What you should do:
Pull out every line of the listing below where "IFCRELCONTAINEDINSPATIALSTRUCTURE" appears.

+-------+

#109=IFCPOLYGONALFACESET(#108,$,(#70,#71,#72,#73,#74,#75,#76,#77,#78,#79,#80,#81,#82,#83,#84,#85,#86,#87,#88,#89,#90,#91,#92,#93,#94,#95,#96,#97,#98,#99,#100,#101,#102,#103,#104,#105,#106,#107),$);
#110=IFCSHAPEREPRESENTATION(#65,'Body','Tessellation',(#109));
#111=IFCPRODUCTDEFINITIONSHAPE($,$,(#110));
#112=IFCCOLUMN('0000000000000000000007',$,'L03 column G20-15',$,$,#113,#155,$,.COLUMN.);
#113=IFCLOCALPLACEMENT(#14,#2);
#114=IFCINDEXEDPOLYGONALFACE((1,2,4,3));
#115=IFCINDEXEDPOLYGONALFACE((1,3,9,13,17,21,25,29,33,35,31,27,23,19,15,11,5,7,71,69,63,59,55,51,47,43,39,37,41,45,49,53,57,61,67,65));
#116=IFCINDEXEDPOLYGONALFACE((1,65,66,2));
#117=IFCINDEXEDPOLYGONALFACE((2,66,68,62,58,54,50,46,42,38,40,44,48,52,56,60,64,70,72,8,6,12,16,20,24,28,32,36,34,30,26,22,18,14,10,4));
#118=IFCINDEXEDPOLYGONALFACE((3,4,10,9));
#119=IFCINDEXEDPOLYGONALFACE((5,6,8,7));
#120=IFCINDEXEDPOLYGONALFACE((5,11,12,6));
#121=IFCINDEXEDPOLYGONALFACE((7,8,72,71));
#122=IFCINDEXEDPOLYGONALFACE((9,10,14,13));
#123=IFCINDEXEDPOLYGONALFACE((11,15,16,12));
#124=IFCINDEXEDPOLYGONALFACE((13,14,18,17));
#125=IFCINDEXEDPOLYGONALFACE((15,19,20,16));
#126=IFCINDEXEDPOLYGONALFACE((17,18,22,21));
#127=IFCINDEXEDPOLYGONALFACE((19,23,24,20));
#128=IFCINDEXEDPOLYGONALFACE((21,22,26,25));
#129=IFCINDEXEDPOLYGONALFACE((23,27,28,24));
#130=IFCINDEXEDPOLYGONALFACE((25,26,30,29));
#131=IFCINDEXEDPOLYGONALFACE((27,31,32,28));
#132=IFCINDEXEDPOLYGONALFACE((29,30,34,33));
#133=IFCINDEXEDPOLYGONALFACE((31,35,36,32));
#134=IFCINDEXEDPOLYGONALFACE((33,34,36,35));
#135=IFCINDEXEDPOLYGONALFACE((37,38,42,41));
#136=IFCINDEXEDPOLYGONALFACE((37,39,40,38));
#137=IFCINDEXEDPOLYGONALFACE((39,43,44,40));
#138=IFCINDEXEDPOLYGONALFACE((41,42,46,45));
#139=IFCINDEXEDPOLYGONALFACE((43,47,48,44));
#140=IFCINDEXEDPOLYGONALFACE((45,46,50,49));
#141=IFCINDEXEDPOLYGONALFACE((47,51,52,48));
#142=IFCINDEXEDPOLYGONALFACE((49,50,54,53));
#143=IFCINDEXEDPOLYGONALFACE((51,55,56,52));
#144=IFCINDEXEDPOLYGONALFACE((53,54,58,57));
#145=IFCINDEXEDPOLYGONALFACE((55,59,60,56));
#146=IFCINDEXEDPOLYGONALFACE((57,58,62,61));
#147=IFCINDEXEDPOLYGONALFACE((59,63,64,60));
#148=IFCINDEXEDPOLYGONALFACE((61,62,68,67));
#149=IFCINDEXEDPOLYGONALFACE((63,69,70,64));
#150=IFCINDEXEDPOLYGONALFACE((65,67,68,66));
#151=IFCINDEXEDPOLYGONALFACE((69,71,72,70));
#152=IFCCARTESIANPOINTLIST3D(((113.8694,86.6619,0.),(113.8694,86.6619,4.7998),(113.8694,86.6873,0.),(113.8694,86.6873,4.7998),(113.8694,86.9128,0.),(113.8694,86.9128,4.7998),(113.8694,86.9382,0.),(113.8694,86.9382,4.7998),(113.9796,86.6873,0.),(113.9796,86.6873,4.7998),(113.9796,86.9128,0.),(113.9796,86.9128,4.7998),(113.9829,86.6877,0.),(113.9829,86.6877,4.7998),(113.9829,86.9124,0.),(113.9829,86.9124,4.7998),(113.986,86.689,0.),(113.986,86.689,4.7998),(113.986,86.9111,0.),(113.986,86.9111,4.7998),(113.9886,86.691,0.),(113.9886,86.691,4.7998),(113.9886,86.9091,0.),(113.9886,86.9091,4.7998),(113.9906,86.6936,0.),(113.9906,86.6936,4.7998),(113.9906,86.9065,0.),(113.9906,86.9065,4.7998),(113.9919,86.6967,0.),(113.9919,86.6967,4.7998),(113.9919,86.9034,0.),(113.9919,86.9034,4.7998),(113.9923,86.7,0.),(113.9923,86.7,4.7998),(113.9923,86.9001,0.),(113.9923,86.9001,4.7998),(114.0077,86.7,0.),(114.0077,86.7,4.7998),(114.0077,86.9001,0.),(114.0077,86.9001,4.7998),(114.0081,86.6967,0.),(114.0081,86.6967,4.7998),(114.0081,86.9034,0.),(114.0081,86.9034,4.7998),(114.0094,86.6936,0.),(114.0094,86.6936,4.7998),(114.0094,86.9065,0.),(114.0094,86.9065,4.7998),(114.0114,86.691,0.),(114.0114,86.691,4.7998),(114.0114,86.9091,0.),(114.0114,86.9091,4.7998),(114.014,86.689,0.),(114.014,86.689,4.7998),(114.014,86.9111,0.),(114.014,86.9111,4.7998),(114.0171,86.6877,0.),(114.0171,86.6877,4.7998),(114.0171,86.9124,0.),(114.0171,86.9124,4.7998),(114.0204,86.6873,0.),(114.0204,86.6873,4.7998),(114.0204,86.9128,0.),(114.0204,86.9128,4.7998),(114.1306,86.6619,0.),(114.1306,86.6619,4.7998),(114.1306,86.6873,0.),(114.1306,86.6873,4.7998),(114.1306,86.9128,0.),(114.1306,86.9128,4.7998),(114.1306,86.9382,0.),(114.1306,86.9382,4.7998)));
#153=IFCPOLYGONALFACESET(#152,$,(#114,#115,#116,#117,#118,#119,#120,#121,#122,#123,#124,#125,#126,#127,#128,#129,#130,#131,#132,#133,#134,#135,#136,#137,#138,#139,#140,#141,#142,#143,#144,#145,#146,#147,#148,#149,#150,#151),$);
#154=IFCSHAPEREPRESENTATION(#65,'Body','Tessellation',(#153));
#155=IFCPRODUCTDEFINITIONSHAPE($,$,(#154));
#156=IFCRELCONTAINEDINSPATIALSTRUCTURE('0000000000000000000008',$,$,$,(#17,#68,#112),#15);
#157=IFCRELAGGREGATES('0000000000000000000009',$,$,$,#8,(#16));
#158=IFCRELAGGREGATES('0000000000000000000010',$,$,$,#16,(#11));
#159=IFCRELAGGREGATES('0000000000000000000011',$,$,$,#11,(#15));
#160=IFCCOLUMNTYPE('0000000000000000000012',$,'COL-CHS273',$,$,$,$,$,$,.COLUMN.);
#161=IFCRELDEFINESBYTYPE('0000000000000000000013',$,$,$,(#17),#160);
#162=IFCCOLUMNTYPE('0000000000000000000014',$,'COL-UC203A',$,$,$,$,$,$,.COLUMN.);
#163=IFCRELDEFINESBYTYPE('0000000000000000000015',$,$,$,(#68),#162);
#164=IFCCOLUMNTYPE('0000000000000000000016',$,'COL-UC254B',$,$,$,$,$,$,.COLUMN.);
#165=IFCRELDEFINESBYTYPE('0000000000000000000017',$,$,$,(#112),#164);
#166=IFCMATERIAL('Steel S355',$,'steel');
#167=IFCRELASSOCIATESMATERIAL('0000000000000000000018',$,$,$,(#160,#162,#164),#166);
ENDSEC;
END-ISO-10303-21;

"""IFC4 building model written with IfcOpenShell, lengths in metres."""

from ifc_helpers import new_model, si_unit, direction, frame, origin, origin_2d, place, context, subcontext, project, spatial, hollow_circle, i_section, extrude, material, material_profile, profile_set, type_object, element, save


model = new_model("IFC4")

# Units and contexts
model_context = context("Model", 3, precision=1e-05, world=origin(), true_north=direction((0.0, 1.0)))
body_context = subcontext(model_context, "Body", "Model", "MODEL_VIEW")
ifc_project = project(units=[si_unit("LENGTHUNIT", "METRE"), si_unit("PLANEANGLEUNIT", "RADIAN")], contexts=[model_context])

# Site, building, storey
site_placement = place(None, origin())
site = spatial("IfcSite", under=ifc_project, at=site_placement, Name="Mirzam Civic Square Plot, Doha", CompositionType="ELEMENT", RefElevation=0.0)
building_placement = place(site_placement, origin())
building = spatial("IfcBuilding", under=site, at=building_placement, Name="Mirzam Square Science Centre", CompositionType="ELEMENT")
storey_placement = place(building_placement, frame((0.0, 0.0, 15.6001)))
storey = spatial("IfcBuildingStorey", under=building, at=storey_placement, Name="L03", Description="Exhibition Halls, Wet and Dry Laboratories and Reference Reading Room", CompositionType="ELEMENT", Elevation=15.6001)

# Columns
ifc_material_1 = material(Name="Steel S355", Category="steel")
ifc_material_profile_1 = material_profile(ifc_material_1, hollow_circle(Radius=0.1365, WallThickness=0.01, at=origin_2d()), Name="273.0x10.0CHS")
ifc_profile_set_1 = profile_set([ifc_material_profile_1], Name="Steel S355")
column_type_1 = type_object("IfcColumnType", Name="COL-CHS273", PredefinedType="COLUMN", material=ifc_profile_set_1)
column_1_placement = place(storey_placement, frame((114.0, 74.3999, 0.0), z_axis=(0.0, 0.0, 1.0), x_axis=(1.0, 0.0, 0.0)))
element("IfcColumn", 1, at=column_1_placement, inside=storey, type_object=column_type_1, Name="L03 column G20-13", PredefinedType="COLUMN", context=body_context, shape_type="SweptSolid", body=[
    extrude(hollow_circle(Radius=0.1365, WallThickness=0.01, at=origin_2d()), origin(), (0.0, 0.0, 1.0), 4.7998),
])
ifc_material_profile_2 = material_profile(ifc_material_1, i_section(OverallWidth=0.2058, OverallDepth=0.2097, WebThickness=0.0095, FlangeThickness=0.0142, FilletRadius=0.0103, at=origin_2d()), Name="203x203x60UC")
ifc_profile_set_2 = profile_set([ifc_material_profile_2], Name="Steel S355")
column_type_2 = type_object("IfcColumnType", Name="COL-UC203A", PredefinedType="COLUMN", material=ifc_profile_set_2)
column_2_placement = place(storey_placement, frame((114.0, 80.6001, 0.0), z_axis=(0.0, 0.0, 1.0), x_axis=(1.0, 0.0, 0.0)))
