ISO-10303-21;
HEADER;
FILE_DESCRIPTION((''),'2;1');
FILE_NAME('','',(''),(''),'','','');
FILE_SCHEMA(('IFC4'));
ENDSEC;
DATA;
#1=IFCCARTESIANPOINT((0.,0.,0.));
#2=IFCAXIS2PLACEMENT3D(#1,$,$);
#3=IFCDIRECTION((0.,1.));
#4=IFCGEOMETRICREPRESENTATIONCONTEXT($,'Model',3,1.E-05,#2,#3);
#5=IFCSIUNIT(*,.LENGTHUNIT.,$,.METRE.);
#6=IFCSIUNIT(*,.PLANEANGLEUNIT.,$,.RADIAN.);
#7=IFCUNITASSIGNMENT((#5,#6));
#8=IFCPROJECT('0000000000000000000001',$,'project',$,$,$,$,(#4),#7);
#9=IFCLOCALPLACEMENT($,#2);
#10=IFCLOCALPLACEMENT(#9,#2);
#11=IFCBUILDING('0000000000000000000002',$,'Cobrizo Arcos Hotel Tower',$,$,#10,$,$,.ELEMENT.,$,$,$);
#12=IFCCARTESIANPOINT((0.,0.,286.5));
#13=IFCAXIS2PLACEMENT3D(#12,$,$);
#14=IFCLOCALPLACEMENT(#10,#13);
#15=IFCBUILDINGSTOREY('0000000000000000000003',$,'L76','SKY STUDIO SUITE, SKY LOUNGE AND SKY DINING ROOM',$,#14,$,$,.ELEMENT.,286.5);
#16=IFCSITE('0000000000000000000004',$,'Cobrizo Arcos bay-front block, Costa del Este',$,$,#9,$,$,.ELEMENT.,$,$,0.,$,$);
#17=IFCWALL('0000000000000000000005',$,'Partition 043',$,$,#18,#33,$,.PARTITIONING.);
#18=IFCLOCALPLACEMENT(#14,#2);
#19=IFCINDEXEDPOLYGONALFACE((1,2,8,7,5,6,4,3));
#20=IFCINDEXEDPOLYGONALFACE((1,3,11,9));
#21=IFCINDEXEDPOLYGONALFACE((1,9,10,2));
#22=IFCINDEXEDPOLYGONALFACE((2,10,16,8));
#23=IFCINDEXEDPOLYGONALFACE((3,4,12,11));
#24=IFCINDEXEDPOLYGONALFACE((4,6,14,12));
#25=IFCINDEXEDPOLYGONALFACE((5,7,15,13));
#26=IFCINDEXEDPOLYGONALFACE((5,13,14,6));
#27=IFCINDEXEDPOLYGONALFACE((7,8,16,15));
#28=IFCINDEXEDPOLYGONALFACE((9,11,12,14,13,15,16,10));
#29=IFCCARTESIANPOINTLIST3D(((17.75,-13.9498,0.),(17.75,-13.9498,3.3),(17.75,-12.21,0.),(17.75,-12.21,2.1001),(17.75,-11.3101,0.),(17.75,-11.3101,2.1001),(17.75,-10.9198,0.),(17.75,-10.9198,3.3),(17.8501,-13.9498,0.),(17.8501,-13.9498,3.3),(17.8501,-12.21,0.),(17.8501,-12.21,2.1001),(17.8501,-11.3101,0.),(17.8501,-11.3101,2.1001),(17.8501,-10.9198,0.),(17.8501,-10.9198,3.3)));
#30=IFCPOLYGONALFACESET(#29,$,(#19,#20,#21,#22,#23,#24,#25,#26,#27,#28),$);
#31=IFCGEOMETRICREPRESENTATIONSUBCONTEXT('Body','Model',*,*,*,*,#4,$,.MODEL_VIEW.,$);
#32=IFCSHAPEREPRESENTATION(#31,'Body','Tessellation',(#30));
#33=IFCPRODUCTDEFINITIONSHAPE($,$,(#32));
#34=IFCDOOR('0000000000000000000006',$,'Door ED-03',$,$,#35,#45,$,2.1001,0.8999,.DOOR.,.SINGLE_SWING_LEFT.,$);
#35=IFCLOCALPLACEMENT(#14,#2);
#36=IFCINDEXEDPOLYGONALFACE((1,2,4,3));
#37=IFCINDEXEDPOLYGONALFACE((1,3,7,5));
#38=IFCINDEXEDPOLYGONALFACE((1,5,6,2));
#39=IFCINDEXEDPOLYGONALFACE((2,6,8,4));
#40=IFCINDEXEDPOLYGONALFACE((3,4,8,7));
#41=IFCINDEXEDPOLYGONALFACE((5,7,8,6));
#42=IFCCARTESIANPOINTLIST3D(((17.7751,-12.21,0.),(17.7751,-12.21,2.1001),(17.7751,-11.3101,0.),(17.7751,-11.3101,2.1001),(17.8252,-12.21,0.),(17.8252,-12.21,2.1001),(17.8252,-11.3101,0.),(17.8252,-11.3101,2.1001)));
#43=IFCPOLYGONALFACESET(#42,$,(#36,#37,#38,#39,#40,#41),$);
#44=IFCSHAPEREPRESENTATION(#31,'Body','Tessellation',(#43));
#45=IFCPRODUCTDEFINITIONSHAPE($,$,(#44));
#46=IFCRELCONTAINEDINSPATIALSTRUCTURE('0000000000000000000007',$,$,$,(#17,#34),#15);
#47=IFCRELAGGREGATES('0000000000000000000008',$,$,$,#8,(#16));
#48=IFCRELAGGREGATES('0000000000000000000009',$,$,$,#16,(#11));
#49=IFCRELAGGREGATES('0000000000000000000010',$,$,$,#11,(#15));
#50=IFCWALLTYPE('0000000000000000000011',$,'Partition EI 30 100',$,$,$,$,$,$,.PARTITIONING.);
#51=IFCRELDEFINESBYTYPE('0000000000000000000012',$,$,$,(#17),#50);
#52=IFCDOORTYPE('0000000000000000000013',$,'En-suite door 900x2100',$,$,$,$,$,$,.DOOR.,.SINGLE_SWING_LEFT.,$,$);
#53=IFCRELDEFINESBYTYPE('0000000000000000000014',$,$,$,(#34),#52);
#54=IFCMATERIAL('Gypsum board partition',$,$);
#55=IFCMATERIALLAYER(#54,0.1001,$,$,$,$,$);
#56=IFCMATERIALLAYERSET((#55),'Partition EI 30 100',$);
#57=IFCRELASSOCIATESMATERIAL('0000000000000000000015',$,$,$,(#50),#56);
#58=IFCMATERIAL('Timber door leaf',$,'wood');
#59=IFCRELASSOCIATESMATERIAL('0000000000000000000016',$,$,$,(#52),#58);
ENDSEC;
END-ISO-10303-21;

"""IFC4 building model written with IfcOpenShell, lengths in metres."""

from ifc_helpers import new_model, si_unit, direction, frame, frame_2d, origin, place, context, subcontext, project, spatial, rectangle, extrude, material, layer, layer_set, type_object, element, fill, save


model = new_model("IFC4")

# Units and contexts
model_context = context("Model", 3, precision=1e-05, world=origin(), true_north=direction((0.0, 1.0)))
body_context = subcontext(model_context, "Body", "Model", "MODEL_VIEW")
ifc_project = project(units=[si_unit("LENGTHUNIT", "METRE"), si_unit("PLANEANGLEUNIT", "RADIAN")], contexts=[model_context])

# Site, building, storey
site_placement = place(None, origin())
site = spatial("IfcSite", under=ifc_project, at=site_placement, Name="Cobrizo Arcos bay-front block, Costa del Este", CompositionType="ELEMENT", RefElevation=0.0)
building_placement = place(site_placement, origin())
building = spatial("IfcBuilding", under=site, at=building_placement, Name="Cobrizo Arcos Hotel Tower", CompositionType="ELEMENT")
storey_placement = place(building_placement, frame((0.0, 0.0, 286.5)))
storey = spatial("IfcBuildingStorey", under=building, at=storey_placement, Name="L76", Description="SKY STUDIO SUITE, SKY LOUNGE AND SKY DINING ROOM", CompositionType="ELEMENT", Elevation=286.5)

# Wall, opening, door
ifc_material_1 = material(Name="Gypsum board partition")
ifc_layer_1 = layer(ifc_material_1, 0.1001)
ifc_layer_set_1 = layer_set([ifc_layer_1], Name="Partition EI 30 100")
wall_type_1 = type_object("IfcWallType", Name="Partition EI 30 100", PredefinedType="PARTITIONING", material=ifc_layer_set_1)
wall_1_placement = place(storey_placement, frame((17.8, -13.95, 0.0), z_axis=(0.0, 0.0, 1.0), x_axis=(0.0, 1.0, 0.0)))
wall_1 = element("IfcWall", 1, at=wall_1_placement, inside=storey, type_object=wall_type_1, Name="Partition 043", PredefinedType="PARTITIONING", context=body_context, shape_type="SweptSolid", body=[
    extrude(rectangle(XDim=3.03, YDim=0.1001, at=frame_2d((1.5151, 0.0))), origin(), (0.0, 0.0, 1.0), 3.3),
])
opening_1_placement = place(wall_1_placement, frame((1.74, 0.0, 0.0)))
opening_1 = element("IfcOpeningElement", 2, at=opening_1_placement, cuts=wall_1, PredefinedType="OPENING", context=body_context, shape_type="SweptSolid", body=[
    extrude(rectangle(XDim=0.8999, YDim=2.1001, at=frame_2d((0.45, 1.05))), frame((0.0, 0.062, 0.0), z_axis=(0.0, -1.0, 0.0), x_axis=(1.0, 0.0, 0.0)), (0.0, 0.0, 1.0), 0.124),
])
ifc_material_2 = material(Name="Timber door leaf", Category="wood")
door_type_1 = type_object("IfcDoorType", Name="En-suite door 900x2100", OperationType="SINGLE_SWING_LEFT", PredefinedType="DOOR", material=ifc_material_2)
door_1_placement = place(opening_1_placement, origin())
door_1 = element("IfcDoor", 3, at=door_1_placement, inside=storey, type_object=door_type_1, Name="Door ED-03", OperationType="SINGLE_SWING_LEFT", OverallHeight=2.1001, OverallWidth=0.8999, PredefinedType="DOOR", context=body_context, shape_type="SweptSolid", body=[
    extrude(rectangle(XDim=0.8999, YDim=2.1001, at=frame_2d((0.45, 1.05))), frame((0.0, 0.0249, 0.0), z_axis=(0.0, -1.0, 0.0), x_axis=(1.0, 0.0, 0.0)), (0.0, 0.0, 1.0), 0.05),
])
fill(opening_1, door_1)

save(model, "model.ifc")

+-------+

Exercise result:
#156=IFCRELCONTAINEDINSPATIALSTRUCTURE('0000000000000000000008',$,$,$,(#17,#68,#112),#15);
#46=IFCRELCONTAINEDINSPATIALSTRUCTURE('0000000000000000000007',$,$,$,(#17,#34),#15);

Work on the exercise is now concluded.